Stored dataset items:

┄┄┄┄┄┄

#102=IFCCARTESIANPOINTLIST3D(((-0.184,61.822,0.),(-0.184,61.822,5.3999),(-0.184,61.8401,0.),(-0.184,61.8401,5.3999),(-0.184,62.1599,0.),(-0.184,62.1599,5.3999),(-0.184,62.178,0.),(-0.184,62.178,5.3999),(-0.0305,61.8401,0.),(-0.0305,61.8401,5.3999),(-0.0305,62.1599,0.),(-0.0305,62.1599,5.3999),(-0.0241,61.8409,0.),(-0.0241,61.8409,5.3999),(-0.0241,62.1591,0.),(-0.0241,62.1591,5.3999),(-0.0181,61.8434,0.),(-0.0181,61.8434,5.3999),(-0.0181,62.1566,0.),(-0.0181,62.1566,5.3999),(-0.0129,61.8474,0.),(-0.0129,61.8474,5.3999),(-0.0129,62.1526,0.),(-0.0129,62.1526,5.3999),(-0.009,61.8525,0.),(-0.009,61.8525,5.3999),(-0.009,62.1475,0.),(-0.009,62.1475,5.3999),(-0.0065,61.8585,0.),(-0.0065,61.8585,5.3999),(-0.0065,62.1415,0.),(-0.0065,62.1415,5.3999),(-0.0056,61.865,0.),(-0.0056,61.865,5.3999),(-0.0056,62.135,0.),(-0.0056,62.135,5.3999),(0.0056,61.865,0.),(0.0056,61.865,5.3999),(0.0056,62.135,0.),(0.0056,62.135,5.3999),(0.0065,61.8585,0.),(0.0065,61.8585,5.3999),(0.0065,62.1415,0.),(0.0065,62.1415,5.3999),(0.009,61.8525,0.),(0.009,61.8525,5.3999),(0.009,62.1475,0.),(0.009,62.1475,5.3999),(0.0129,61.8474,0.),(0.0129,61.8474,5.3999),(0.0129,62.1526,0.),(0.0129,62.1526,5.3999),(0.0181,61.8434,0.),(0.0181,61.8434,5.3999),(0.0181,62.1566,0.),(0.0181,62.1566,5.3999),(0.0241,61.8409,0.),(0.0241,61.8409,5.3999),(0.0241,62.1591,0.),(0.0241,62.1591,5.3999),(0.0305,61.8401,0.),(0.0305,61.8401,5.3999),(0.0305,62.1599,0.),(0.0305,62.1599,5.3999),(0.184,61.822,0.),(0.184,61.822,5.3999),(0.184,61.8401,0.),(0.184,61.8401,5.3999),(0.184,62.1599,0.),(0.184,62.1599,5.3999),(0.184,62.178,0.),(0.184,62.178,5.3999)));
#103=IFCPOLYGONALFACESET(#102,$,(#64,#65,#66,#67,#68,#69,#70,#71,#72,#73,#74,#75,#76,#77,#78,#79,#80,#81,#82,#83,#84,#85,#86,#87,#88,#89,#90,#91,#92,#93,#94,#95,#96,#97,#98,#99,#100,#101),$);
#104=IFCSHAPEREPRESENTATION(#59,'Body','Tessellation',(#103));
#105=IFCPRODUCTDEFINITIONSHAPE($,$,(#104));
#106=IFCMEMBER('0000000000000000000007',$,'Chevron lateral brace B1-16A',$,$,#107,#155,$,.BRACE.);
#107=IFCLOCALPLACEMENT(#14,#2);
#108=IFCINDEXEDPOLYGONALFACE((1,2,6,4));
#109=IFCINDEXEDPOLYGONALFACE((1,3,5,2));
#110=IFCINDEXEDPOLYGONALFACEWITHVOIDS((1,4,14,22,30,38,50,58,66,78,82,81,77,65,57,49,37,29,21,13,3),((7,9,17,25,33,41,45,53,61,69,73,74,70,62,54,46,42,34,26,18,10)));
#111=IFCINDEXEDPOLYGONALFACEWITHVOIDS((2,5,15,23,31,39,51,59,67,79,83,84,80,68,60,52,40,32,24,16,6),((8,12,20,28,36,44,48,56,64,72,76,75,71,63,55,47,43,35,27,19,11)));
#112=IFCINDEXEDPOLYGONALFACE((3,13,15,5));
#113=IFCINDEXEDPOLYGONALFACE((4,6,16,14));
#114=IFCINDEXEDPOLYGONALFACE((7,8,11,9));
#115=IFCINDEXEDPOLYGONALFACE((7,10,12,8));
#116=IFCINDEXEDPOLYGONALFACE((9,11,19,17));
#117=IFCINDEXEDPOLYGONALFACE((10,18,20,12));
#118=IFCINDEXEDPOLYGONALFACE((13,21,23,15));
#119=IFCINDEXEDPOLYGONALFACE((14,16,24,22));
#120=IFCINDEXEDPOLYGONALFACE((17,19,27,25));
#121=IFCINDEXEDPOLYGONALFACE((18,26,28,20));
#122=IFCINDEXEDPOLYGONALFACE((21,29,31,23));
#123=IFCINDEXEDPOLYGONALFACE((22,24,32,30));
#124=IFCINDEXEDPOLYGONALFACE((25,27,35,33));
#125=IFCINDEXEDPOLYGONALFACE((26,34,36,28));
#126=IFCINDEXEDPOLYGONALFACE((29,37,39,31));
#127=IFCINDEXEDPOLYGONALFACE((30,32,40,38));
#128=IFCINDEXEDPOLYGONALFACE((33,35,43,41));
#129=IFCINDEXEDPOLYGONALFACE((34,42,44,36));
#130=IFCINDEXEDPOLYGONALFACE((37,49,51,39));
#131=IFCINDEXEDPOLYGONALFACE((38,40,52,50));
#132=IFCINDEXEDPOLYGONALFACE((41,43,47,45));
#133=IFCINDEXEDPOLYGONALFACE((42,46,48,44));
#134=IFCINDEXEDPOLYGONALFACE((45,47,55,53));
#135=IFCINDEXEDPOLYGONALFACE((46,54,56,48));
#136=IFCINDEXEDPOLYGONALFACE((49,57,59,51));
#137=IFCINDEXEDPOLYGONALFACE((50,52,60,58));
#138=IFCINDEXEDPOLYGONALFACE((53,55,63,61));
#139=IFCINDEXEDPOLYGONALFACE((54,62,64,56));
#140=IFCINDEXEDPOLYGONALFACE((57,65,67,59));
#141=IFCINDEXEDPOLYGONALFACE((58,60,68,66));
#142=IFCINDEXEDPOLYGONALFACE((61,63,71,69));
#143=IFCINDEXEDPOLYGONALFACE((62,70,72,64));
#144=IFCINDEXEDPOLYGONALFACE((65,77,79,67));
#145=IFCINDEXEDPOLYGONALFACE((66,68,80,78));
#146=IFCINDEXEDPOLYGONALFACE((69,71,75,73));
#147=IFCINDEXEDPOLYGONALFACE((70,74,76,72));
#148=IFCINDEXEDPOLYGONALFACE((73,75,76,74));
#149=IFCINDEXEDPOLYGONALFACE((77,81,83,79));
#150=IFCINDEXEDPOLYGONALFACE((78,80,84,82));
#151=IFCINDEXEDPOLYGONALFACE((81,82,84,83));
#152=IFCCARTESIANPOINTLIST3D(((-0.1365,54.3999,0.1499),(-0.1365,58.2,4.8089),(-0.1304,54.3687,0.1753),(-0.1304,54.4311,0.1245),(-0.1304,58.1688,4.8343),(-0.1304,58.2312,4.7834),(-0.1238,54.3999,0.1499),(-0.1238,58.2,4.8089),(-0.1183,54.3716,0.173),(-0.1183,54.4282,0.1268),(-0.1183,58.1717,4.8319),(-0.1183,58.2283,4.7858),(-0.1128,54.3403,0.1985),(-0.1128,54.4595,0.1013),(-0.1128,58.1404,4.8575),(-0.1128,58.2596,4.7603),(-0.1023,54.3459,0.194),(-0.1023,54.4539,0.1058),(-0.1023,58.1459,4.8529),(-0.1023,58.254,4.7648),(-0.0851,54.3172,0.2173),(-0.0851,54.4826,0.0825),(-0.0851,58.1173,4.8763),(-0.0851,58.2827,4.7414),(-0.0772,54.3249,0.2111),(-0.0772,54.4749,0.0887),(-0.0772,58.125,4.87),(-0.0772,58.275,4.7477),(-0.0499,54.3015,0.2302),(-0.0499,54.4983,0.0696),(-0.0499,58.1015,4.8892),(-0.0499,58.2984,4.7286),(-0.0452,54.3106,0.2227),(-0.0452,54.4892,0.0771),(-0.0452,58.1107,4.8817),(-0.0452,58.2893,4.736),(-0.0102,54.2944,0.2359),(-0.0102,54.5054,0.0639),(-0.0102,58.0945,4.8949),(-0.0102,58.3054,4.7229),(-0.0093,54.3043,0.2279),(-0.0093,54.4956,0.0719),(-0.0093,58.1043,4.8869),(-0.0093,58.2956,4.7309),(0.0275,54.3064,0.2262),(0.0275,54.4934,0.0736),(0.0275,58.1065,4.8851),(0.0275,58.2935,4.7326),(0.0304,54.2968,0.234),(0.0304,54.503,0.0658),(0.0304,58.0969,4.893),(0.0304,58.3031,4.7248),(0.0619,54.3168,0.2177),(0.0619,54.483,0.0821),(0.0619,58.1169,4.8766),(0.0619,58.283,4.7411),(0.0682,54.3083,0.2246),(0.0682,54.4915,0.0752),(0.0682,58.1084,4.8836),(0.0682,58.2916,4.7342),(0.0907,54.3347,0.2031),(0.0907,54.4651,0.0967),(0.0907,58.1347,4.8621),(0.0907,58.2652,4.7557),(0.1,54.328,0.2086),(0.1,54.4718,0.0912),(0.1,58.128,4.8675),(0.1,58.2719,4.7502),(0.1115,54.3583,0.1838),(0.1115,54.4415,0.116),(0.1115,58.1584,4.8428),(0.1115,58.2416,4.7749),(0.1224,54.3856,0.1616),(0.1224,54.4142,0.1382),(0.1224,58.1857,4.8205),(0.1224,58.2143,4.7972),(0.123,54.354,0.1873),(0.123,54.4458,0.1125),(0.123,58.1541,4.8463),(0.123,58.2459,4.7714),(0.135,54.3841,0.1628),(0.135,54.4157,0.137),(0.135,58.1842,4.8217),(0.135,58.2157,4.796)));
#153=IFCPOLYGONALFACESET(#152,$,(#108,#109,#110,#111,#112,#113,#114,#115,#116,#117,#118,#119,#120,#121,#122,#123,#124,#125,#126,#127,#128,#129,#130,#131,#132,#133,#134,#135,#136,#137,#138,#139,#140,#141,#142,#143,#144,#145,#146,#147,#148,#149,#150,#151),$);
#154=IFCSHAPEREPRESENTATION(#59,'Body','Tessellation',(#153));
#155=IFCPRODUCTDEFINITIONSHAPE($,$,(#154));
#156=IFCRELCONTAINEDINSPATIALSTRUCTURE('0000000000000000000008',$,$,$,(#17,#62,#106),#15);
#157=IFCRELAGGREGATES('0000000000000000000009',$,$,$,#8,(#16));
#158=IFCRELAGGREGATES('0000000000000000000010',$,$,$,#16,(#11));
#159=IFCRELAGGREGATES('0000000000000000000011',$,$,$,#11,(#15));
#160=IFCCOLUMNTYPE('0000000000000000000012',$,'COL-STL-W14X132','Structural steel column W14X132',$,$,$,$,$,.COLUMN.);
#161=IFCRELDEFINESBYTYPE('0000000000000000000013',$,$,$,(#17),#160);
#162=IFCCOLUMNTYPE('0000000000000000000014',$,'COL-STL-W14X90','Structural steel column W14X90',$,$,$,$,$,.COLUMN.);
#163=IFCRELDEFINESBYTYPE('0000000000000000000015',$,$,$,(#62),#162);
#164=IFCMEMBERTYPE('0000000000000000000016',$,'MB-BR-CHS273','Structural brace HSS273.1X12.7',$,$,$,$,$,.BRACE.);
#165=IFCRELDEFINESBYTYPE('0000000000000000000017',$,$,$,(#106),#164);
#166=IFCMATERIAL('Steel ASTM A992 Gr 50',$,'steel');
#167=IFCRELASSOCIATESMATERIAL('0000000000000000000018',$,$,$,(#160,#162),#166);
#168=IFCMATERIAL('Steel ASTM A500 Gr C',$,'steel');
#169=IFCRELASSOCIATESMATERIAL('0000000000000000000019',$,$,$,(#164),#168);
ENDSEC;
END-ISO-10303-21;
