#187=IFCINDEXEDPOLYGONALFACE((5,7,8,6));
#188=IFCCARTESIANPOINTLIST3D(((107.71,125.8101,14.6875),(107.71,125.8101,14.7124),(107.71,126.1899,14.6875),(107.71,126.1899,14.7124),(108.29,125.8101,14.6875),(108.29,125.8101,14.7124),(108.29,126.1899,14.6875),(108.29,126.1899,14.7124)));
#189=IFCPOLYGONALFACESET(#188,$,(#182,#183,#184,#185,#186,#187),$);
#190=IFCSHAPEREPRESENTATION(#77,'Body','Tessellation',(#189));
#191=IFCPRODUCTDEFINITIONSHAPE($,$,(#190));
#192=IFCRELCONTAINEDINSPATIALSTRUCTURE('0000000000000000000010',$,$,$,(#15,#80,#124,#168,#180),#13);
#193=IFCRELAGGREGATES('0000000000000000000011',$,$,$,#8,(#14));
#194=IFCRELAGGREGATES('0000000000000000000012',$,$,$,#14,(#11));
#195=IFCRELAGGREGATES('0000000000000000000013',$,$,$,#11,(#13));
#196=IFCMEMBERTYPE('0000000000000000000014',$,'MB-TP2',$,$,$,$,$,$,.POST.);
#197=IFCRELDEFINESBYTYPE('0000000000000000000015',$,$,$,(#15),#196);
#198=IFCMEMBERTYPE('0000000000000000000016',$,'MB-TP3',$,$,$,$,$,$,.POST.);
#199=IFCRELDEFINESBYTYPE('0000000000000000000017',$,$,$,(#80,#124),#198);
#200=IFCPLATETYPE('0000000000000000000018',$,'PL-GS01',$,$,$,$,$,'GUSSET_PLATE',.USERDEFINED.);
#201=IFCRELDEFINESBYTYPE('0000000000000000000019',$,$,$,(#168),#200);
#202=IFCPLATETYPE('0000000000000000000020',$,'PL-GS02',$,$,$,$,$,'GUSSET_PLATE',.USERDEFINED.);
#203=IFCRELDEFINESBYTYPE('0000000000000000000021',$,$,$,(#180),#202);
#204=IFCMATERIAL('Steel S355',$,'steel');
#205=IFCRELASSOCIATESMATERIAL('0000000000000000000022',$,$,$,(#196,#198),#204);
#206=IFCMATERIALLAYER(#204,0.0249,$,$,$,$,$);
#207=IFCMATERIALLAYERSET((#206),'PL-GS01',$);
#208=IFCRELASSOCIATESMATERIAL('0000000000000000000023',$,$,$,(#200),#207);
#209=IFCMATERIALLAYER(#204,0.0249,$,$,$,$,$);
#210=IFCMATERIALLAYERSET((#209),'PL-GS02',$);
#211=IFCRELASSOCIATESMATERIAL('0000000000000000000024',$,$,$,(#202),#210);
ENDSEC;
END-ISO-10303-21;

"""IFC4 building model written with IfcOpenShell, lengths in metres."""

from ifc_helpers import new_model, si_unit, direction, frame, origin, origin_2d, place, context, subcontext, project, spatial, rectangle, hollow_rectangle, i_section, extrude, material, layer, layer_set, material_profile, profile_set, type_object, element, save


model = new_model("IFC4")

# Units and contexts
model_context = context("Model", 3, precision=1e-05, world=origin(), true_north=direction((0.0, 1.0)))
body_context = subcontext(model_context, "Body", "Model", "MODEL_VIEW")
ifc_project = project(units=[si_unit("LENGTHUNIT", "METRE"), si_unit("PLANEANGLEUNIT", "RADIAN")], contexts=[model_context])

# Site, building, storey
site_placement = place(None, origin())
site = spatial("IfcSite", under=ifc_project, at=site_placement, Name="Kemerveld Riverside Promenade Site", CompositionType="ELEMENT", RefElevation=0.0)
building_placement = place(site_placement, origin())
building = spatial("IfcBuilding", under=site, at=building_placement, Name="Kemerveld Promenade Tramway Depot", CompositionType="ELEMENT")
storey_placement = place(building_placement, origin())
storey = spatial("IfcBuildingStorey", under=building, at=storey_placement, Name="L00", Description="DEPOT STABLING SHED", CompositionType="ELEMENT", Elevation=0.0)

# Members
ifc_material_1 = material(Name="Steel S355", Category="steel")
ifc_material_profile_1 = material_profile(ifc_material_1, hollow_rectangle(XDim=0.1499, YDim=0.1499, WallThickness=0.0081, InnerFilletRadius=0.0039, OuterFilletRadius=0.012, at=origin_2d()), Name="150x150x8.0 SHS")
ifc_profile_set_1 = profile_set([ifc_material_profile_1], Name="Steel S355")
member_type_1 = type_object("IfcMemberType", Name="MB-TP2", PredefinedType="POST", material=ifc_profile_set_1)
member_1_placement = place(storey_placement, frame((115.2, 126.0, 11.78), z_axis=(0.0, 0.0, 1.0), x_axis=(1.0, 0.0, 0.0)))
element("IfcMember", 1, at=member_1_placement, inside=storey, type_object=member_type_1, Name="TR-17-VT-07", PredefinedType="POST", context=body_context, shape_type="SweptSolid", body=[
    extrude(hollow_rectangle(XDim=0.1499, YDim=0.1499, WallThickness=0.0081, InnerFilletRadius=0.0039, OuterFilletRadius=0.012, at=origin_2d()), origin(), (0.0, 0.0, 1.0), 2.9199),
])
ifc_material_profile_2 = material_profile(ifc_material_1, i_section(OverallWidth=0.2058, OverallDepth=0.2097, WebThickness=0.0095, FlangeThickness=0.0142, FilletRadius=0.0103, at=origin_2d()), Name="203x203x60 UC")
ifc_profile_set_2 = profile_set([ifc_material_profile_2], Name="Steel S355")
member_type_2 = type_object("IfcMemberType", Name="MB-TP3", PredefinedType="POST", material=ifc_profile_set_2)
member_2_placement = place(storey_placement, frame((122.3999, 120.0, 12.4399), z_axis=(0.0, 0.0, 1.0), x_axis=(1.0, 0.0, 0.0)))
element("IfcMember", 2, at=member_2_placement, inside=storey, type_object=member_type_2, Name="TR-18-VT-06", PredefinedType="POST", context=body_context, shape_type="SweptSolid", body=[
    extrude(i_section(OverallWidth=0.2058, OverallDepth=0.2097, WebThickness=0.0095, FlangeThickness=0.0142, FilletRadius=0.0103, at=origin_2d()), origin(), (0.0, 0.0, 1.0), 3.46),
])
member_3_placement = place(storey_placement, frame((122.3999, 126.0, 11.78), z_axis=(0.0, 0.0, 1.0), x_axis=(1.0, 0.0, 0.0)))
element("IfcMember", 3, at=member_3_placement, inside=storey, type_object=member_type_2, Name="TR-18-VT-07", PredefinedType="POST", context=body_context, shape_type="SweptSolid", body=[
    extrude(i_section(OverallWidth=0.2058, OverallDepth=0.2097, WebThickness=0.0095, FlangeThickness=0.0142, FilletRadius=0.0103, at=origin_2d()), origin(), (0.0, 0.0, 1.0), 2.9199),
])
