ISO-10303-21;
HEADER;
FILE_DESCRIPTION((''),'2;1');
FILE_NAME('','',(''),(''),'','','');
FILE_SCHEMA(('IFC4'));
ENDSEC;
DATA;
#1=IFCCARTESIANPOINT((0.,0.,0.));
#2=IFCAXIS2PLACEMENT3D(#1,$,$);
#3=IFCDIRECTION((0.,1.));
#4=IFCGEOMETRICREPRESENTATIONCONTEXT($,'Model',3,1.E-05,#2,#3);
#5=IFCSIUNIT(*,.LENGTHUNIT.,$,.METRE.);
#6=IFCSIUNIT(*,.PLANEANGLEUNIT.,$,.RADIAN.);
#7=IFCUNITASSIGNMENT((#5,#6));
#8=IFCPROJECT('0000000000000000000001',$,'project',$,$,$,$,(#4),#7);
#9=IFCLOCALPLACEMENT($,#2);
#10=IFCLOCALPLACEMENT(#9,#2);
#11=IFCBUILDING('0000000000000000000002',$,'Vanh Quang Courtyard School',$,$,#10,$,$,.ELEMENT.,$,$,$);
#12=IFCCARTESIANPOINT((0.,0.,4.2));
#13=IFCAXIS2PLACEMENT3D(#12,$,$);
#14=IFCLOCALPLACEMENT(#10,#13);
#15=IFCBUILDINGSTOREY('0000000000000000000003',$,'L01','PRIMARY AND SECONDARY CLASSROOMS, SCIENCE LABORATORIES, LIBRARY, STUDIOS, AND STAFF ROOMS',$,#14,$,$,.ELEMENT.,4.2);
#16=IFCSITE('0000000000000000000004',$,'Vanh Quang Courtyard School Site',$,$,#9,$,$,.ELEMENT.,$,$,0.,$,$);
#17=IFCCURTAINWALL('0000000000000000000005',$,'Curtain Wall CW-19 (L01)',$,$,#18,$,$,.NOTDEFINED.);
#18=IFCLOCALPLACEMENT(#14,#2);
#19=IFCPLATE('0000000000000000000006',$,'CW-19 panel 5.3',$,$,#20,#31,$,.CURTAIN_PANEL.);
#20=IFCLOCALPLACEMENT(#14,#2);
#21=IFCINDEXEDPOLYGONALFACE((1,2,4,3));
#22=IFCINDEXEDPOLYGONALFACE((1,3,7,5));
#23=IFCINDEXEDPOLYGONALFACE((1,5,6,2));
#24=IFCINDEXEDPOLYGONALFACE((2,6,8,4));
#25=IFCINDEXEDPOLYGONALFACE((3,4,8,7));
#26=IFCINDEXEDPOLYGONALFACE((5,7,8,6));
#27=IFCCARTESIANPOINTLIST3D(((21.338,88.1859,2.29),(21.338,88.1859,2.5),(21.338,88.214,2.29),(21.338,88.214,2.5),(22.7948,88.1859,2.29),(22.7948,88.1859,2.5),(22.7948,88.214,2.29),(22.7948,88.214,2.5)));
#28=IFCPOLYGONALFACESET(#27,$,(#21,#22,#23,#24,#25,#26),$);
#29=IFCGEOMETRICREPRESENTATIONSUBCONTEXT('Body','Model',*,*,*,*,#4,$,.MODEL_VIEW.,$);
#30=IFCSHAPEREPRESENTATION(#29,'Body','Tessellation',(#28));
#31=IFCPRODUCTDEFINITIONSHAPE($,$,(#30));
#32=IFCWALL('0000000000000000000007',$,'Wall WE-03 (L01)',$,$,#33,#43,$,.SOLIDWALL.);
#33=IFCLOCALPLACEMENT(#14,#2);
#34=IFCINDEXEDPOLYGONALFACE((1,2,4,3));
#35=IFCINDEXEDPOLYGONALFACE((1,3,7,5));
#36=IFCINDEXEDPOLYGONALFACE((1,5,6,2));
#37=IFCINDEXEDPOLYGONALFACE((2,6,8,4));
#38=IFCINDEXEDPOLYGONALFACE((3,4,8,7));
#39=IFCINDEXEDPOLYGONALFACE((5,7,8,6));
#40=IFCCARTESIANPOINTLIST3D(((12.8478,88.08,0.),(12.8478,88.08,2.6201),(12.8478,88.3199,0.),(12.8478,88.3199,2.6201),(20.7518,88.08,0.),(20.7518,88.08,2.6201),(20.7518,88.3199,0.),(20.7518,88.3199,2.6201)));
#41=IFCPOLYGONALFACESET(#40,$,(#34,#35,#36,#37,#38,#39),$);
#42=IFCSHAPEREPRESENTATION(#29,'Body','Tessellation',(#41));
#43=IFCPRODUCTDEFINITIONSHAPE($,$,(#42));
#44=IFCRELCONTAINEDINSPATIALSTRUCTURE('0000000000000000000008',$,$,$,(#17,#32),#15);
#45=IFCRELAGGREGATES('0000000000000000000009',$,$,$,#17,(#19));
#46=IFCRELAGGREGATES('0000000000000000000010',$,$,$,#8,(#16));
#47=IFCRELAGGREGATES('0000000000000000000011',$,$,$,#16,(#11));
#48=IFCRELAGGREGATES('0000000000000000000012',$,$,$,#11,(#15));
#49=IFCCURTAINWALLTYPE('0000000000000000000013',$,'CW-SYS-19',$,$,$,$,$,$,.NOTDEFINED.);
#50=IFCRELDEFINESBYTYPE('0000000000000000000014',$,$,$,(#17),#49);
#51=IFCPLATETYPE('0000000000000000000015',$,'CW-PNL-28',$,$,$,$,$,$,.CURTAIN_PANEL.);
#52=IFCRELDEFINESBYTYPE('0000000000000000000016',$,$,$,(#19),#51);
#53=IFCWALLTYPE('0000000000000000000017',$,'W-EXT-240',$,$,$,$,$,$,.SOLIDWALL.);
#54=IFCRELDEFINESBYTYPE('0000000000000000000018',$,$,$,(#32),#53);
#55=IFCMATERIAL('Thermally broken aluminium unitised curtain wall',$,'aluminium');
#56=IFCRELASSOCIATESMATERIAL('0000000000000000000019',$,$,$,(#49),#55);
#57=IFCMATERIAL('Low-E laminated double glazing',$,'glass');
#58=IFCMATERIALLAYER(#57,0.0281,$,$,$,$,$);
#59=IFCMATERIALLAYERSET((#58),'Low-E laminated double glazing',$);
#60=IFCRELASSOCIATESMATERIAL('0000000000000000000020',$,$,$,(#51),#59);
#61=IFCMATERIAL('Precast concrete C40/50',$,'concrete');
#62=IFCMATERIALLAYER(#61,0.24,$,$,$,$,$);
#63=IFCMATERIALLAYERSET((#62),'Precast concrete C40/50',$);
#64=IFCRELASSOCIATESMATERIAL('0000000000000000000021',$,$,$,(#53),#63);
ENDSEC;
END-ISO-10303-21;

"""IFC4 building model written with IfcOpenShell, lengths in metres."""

from ifc_helpers import new_model, si_unit, direction, frame, frame_2d, origin, origin_2d, place, context, subcontext, project, spatial, rectangle, extrude, material, layer, layer_set, type_object, element, aggregate, save


model = new_model("IFC4")

# Units and contexts
model_context = context("Model", 3, precision=1e-05, world=origin(), true_north=direction((0.0, 1.0)))
body_context = subcontext(model_context, "Body", "Model", "MODEL_VIEW")
ifc_project = project(units=[si_unit("LENGTHUNIT", "METRE"), si_unit("PLANEANGLEUNIT", "RADIAN")], contexts=[model_context])

# Site, building, storey
site_placement = place(None, origin())
site = spatial("IfcSite", under=ifc_project, at=site_placement, Name="Vanh Quang Courtyard School Site", CompositionType="ELEMENT", RefElevation=0.0)
building_placement = place(site_placement, origin())
building = spatial("IfcBuilding", under=site, at=building_placement, Name="Vanh Quang Courtyard School", CompositionType="ELEMENT")
storey_placement = place(building_placement, frame((0.0, 0.0, 4.2)))
storey = spatial("IfcBuildingStorey", under=building, at=storey_placement, Name="L01", Description="PRIMARY AND SECONDARY CLASSROOMS, SCIENCE LABORATORIES, LIBRARY, STUDIOS, AND STAFF ROOMS", CompositionType="ELEMENT", Elevation=4.2)

# Shared definitions
ifc_material_1 = material(Name="Thermally broken aluminium unitised curtain wall", Category="aluminium")
curtain_wall_type = type_object("IfcCurtainWallType", Name="CW-SYS-19", PredefinedType="NOTDEFINED", material=ifc_material_1)

# Curtain wall
curtain_wall_1_placement = place(storey_placement, origin())
curtain_wall_1 = element("IfcCurtainWall", 1, at=curtain_wall_1_placement, inside=storey, type_object=curtain_wall_type, Name="Curtain Wall CW-19 (L01)", PredefinedType="NOTDEFINED")

# Plate
ifc_material_2 = material(Name="Low-E laminated double glazing", Category="glass")
ifc_layer_1 = layer(ifc_material_2, 0.0281)
ifc_layer_set_1 = layer_set([ifc_layer_1], Name="Low-E laminated double glazing")
plate_type = type_object("IfcPlateType", Name="CW-PNL-28", PredefinedType="CURTAIN_PANEL", material=ifc_layer_set_1)
plate_1_placement = place(storey_placement, frame((22.0664, 88.2, 2.29), z_axis=(0.0, 0.0, 1.0), x_axis=(-1.0, 0.0, 0.0)))
plate_1 = element("IfcPlate", 2, at=plate_1_placement, type_object=plate_type, Name="CW-19 panel 5.3", PredefinedType="CURTAIN_PANEL", context=body_context, shape_type="SweptSolid", body=[
    extrude(rectangle(XDim=1.4568, YDim=0.0281, at=origin_2d()), origin(), (0.0, 0.0, 1.0), 0.21),
])
aggregate(curtain_wall_1, [plate_1])

# Wall
ifc_material_3 = material(Name="Precast concrete C40/50", Category="concrete")
ifc_layer_2 = layer(ifc_material_3, 0.24)
ifc_layer_set_2 = layer_set([ifc_layer_2], Name="Precast concrete C40/50")
wall_type = type_object("IfcWallType", Name="W-EXT-240", PredefinedType="SOLIDWALL", material=ifc_layer_set_2)
wall_placement = place(storey_placement, frame((20.752, 88.2, 0.0), z_axis=(0.0, 0.0, 1.0), x_axis=(-1.0, 0.0, 0.0)))
element("IfcWall", 3, at=wall_placement, inside=storey, type_object=wall_type, Name="Wall WE-03 (L01)", PredefinedType="SOLIDWALL", context=body_context, shape_type="SweptSolid", body=[
    extrude(rectangle(XDim=7.9041, YDim=0.24, at=frame_2d((3.9521, 0.0))), origin(), (0.0, 0.0, 1.0), 2.6201),
])

save(model, "model.ifc")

┄┄┄┄┄┄

- Task requirements -
Search the data above for the string "Tessellation". Report every line where it is found.

- Task solution -
#104=IFCSHAPEREPRESENTATION(#59,'Body','Tessellation',(#103));
#154=IFCSHAPEREPRESENTATION(#59,'Body','Tessellation',(#153));
#190=IFCSHAPEREPRESENTATION(#77,'Body','Tessellation',(#189));
#30=IFCSHAPEREPRESENTATION(#29,'Body','Tessellation',(#28));
#42=IFCSHAPEREPRESENTATION(#29,'Body','Tessellation',(#41));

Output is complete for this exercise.